- [Items listed in a dataset]
Content starts

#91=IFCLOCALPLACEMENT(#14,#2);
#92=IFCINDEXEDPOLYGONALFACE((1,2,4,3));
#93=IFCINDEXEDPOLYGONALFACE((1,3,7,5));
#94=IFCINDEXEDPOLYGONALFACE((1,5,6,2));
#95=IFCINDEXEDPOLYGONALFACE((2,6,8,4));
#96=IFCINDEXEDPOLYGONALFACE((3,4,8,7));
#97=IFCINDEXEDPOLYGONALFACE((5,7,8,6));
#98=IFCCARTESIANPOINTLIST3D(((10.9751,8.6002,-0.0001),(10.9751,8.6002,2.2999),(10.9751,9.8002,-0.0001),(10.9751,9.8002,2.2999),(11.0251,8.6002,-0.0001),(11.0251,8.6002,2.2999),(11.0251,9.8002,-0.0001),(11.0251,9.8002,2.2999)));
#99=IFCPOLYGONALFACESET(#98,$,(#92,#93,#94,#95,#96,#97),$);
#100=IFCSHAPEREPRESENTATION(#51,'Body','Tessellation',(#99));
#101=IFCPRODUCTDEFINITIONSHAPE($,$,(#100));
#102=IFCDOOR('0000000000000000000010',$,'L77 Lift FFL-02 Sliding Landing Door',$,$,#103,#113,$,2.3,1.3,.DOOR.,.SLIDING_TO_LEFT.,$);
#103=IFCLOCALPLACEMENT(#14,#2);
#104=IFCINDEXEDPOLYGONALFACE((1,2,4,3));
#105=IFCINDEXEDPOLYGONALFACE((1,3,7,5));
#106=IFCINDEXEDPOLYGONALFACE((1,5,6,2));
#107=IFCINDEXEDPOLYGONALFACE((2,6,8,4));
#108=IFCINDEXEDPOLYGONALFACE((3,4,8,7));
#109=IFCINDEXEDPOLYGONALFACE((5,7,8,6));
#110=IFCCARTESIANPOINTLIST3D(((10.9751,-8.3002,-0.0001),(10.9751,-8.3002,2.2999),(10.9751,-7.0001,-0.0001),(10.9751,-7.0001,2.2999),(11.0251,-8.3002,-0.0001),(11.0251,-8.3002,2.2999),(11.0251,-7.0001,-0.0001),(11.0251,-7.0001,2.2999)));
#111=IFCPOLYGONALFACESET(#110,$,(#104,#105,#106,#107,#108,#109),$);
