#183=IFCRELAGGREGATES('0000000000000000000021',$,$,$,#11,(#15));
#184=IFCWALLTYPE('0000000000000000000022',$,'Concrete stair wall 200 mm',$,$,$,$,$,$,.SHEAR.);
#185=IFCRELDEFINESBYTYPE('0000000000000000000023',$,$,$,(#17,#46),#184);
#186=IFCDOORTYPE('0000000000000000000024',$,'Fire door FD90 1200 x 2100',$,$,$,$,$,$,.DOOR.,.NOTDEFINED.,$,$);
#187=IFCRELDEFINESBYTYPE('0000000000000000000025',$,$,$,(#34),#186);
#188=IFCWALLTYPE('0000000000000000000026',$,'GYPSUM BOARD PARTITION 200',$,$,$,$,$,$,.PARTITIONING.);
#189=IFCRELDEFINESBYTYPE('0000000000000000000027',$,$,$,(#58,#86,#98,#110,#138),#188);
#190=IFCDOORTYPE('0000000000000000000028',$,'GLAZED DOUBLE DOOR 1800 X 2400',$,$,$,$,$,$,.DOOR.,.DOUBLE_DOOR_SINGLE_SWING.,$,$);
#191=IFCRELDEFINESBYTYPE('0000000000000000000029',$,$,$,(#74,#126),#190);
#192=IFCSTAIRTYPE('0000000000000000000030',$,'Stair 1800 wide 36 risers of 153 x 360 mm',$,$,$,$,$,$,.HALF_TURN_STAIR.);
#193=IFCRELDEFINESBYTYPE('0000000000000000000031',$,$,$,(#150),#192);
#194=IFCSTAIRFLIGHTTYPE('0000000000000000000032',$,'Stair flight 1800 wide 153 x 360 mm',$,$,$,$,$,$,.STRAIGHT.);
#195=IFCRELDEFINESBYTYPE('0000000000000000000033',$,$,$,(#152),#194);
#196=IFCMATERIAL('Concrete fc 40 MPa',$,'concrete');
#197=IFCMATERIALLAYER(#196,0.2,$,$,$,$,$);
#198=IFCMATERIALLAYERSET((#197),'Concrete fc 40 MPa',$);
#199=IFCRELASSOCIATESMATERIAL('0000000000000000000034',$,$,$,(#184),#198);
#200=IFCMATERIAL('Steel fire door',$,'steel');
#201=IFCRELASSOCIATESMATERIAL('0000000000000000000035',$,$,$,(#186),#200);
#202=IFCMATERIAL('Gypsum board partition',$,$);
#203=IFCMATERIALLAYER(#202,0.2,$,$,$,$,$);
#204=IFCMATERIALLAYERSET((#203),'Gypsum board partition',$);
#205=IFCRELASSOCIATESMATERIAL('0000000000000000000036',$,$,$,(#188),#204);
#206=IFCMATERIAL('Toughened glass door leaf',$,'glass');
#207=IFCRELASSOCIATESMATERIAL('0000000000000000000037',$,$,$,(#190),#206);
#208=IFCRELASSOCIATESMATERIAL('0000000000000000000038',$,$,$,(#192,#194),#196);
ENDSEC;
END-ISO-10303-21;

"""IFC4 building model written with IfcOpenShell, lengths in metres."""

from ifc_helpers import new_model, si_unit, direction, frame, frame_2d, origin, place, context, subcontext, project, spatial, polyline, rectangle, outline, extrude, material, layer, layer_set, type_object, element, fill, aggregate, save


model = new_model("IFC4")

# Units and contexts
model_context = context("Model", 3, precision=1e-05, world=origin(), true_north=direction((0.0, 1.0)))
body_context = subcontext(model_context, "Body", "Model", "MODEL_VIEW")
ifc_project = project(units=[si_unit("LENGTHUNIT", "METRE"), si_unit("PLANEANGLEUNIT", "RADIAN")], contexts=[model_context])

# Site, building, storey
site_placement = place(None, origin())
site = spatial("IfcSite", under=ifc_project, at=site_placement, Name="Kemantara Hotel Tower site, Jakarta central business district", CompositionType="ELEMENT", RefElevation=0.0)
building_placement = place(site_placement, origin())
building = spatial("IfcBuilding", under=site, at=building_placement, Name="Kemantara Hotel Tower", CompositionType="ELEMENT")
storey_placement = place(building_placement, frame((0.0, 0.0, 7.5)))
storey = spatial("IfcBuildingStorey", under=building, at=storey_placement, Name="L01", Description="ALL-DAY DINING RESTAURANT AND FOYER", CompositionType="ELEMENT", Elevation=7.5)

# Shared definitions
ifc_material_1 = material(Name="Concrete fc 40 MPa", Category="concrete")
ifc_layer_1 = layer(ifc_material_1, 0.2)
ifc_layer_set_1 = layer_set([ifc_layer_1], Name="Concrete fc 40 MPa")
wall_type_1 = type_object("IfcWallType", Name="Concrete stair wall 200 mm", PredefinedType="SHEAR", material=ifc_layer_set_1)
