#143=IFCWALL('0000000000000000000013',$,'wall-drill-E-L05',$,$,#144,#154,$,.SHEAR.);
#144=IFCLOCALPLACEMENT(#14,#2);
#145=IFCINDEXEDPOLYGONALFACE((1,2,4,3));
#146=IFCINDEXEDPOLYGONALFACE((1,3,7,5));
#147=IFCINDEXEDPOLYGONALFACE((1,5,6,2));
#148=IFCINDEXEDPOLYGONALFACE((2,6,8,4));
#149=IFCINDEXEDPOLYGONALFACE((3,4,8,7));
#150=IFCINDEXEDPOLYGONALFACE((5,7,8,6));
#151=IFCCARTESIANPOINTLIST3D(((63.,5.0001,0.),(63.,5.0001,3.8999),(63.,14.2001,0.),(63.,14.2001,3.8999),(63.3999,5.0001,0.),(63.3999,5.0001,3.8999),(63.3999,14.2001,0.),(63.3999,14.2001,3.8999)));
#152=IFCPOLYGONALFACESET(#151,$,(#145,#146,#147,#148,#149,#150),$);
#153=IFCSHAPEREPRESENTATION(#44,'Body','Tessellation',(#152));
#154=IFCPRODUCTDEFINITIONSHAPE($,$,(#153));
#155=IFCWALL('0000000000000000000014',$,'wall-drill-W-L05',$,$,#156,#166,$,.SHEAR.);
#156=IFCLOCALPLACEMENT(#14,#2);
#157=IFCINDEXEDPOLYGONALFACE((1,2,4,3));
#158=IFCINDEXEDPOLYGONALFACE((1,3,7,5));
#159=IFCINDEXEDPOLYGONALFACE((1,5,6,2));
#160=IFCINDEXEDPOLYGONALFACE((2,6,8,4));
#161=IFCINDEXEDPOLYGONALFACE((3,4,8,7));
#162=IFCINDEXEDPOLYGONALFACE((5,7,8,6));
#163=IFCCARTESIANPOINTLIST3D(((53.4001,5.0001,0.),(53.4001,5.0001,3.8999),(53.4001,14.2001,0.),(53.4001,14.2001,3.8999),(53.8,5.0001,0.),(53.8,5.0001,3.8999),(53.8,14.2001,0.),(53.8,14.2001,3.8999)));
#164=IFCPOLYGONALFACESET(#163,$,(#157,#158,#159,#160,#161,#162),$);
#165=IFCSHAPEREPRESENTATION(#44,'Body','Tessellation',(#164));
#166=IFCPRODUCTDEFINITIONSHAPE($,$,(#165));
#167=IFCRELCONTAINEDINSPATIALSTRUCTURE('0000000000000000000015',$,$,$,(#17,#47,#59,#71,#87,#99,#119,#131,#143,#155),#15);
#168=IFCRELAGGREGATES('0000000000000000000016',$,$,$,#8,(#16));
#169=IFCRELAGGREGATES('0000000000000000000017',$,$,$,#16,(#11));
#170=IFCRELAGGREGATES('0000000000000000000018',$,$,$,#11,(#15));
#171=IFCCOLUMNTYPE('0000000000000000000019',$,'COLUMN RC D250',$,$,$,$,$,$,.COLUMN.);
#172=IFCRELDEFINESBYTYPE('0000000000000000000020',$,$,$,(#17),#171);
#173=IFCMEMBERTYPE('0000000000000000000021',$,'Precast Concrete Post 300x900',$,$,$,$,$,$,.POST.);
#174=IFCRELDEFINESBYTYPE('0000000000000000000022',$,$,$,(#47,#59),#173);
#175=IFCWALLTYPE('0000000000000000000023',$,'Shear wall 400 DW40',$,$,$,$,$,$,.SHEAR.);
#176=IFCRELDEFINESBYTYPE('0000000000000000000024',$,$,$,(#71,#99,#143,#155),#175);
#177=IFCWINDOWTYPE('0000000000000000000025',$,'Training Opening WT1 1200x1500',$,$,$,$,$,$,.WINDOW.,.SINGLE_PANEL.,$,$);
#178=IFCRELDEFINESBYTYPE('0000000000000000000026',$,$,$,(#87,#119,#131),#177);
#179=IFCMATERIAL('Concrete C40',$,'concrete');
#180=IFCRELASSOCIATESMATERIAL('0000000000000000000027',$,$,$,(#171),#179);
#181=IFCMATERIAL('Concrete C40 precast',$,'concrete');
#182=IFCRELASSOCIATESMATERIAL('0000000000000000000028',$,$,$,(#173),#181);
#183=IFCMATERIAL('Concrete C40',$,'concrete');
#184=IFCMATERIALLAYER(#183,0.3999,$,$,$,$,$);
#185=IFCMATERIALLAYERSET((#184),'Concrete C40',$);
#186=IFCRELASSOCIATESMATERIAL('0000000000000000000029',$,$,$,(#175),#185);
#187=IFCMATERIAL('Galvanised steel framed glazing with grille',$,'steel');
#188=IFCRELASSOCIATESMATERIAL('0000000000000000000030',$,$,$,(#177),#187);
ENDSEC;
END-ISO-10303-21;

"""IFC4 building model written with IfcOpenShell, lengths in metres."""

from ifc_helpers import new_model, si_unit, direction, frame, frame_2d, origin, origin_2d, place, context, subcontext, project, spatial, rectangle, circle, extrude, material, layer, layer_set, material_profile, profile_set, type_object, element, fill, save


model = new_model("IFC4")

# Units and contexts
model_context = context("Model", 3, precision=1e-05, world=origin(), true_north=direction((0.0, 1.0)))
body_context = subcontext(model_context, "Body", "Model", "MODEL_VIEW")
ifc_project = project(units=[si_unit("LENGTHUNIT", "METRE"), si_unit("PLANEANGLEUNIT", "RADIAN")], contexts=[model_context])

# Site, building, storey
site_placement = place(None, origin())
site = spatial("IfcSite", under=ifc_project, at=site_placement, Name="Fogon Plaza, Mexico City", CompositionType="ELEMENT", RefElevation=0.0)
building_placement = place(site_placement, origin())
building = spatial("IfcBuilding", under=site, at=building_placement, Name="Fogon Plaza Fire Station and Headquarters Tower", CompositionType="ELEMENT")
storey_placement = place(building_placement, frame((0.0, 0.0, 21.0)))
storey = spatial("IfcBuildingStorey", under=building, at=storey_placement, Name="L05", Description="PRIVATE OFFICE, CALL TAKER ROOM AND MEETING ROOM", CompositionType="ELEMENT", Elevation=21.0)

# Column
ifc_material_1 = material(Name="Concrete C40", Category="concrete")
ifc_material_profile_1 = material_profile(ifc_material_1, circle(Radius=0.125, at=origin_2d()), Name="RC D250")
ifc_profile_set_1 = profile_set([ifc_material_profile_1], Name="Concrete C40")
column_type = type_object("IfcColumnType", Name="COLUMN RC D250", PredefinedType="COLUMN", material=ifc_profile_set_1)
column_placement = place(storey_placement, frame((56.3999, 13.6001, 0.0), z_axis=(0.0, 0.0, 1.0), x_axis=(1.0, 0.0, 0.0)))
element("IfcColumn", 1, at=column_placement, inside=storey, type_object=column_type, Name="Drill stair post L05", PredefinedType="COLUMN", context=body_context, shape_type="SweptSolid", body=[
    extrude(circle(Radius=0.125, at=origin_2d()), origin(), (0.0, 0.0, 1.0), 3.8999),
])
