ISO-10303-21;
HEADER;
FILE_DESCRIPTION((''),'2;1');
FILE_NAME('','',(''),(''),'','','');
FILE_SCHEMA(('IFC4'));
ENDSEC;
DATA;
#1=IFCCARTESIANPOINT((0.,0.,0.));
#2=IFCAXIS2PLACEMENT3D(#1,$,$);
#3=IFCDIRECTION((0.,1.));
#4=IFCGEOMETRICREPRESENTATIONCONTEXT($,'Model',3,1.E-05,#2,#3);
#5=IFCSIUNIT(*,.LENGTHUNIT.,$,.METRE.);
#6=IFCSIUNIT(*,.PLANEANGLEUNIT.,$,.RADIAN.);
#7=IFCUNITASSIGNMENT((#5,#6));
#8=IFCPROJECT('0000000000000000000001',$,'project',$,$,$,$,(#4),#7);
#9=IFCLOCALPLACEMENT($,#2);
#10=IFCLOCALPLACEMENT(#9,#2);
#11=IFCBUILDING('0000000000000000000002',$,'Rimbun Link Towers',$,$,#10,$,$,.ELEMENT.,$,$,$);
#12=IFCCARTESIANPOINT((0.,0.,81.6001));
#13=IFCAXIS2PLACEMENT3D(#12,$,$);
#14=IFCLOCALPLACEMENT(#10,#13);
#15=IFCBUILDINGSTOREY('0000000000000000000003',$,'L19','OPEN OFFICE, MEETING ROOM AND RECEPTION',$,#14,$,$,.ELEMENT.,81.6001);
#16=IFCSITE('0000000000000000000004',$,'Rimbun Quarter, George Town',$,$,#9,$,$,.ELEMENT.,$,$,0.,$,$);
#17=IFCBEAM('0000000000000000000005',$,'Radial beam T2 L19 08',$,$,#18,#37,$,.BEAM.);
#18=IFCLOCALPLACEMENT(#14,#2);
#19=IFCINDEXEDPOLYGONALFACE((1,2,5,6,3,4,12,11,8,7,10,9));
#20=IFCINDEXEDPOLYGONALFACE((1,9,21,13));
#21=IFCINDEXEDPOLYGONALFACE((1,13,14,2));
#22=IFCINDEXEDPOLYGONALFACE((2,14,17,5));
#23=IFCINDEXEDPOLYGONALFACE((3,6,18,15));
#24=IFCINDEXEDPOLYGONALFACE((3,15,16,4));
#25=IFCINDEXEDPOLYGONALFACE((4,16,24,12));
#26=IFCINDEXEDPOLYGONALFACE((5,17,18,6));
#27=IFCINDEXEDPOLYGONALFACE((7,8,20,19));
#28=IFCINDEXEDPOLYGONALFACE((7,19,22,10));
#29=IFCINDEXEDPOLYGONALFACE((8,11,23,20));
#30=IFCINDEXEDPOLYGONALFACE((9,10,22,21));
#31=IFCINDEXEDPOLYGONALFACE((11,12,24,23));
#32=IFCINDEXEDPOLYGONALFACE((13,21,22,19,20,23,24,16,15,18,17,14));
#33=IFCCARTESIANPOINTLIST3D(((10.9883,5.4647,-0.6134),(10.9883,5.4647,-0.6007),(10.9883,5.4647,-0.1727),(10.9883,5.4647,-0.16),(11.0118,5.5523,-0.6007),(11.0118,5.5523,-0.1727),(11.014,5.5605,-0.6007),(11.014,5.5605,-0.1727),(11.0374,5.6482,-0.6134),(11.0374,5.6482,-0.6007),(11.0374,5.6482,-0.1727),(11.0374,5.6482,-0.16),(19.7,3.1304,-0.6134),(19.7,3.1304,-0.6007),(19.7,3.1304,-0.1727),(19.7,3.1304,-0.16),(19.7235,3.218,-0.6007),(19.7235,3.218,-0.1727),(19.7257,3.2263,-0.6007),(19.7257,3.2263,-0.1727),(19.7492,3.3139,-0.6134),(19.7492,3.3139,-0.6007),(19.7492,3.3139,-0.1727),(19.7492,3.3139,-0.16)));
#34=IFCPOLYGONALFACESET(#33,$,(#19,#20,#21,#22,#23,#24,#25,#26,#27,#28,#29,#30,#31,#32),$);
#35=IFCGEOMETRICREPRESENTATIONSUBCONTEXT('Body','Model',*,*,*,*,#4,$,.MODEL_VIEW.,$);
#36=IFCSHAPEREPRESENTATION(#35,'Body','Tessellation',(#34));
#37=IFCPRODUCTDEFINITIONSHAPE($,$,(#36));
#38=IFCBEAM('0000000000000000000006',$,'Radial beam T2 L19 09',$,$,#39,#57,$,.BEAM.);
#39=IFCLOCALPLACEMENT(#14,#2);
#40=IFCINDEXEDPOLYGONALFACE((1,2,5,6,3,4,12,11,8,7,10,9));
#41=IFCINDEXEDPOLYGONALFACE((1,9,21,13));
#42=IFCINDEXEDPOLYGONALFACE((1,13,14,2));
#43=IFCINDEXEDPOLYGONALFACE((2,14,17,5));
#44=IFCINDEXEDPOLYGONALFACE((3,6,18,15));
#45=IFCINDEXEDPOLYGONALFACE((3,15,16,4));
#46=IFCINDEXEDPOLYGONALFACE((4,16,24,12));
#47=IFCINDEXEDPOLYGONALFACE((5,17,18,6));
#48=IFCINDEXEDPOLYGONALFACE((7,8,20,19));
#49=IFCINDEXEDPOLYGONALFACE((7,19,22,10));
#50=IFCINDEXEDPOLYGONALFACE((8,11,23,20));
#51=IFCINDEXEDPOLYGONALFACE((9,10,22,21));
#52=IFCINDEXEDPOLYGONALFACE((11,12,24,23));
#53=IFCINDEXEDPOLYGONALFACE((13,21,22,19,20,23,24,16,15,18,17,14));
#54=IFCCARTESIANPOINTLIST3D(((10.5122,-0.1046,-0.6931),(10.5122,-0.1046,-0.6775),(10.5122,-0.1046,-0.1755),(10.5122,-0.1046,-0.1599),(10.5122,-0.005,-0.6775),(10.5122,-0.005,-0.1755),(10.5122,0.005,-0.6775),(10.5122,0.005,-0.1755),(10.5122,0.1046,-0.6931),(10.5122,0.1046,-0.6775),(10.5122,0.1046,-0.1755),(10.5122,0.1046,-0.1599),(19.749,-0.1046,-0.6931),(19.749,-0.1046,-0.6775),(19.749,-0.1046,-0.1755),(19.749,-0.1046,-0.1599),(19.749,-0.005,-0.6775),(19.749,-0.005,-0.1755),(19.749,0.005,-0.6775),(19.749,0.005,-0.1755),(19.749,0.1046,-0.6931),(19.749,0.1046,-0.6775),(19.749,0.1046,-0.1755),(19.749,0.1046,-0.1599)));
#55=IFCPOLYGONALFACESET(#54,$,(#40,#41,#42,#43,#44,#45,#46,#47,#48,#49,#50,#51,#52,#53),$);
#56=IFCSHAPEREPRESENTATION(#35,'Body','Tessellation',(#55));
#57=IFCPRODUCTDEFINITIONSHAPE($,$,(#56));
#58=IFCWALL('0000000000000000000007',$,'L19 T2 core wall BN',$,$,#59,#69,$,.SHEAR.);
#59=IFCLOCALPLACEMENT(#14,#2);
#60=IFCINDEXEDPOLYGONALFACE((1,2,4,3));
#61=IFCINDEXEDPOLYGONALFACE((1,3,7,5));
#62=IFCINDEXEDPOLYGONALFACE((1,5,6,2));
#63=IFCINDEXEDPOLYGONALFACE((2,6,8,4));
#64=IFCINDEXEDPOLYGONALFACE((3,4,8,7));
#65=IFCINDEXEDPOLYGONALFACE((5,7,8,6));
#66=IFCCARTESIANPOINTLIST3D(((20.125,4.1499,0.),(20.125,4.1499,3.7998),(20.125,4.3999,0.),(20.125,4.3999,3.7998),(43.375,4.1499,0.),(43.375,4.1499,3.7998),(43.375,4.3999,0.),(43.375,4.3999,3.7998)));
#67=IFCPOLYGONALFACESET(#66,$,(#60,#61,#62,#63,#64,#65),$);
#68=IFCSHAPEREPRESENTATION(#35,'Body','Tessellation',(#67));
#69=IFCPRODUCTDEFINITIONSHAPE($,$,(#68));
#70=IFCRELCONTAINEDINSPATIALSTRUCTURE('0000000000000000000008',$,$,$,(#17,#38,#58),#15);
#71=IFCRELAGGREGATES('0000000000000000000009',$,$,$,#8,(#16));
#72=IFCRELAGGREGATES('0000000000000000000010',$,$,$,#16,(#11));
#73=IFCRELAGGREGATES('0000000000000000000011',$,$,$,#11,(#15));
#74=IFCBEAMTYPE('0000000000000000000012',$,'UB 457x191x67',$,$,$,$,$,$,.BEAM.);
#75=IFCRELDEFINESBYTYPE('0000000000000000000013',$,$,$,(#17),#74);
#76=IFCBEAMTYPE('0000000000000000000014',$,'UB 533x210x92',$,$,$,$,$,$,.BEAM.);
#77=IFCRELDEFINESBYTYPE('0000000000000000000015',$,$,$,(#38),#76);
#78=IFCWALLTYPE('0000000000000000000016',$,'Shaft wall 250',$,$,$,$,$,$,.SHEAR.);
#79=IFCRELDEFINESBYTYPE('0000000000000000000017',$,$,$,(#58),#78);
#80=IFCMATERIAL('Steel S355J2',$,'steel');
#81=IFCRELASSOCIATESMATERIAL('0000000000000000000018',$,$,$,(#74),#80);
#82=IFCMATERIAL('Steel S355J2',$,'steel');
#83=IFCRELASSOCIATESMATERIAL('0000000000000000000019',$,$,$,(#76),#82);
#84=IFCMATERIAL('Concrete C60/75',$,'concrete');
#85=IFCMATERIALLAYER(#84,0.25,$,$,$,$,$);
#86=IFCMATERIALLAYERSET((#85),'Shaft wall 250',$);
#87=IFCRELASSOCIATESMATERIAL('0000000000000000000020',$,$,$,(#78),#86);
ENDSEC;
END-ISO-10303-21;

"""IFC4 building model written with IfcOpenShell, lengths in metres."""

from ifc_helpers import new_model, si_unit, direction, frame, frame_2d, origin, origin_2d, place, context, subcontext, project, spatial, rectangle, i_section, extrude, material, layer, layer_set, material_profile, profile_set, type_object, element, save


model = new_model("IFC4")

# Units and contexts
model_context = context("Model", 3, precision=1e-05, world=origin(), true_north=direction((0.0, 1.0)))
body_context = subcontext(model_context, "Body", "Model", "MODEL_VIEW")
ifc_project = project(units=[si_unit("LENGTHUNIT", "METRE"), si_unit("PLANEANGLEUNIT", "RADIAN")], contexts=[model_context])

# Site, building, storey
site_placement = place(None, origin())
site = spatial("IfcSite", under=ifc_project, at=site_placement, Name="Rimbun Quarter, George Town", CompositionType="ELEMENT", RefElevation=0.0)
building_placement = place(site_placement, origin())
building = spatial("IfcBuilding", under=site, at=building_placement, Name="Rimbun Link Towers", CompositionType="ELEMENT")
storey_placement = place(building_placement, frame((0.0, 0.0, 81.6001)))
storey = spatial("IfcBuildingStorey", under=building, at=storey_placement, Name="L19", Description="OPEN OFFICE, MEETING ROOM AND RECEPTION", CompositionType="ELEMENT", Elevation=81.6001)

# Beams
ifc_material_1 = material(Name="Steel S355J2", Category="steel")
ifc_material_profile_1 = material_profile(ifc_material_1, i_section(OverallWidth=0.1899, OverallDepth=0.4534, WebThickness=0.0085, FlangeThickness=0.0127, at=origin_2d()), Name="UB 457x191x67")
ifc_profile_set_1 = profile_set([ifc_material_profile_1], Name="Steel S355J2")
beam_type_1 = type_object("IfcBeamType", Name="UB 457x191x67", PredefinedType="BEAM", material=ifc_profile_set_1)
beam_1_placement = place(storey_placement, frame((19.7246, 3.2222, -0.3867), z_axis=(-0.965927, 0.258813, 0.0), x_axis=(-0.258813, -0.965927, 0.0)))
element("IfcBeam", 1, at=beam_1_placement, inside=storey, type_object=beam_type_1, Name="Radial beam T2 L19 08", PredefinedType="BEAM", context=body_context, shape_type="SweptSolid", body=[
    extrude(i_section(OverallWidth=0.1899, OverallDepth=0.4534, WebThickness=0.0085, FlangeThickness=0.0127, at=origin_2d()), origin(), (0.0, 0.0, 1.0), 9.019),
])
ifc_material_2 = material(Name="Steel S355J2", Category="steel")
ifc_material_profile_2 = material_profile(ifc_material_2, i_section(OverallWidth=0.2092, OverallDepth=0.5332, WebThickness=0.01, FlangeThickness=0.0156, at=origin_2d()), Name="UB 533x210x92")
ifc_profile_set_2 = profile_set([ifc_material_profile_2], Name="Steel S355J2")
beam_type_2 = type_object("IfcBeamType", Name="UB 533x210x92", PredefinedType="BEAM", material=ifc_profile_set_2)
beam_2_placement = place(storey_placement, frame((19.749, 0.0, -0.4265), z_axis=(-1.0, 0.0, 0.0), x_axis=(0.0, -1.0, 0.0)))
element("IfcBeam", 2, at=beam_2_placement, inside=storey, type_object=beam_type_2, Name="Radial beam T2 L19 09", PredefinedType="BEAM", context=body_context, shape_type="SweptSolid", body=[
    extrude(i_section(OverallWidth=0.2092, OverallDepth=0.5332, WebThickness=0.01, FlangeThickness=0.0156, at=origin_2d()), origin(), (0.0, 0.0, 1.0), 9.2368),
])

# Wall
ifc_material_3 = material(Name="Concrete C60/75", Category="concrete")
ifc_layer_1 = layer(ifc_material_3, 0.25)
ifc_layer_set_1 = layer_set([ifc_layer_1], Name="Shaft wall 250")
wall_type_1 = type_object("IfcWallType", Name="Shaft wall 250", PredefinedType="SHEAR", material=ifc_layer_set_1)
wall_1_placement = place(storey_placement, frame((20.125, 4.2749, 0.0), z_axis=(0.0, 0.0, 1.0), x_axis=(1.0, 0.0, 0.0)))
element("IfcWall", 3, at=wall_1_placement, inside=storey, type_object=wall_type_1, Name="L19 T2 core wall BN", PredefinedType="SHEAR", context=body_context, shape_type="SweptSolid", body=[
    extrude(rectangle(XDim=23.25, YDim=0.25, at=frame_2d((11.625, 0.0))), origin(), (0.0, 0.0, 1.0), 3.7998),
])

save(model, "model.ifc")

Content ends

- [Exercise]
The lines that contain the word "IFCDOORTYPE" are wanted; copy each of them from the records.

- [Problem solution]
#186=IFCDOORTYPE('0000000000000000000024',$,'Fire door FD90 1200 x 2100',$,$,$,$,$,$,.DOOR.,.NOTDEFINED.,$,$);
#190=IFCDOORTYPE('0000000000000000000028',$,'GLAZED DOUBLE DOOR 1800 X 2400',$,$,$,$,$,$,.DOOR.,.DOUBLE_DOOR_SINGLE_SWING.,$,$);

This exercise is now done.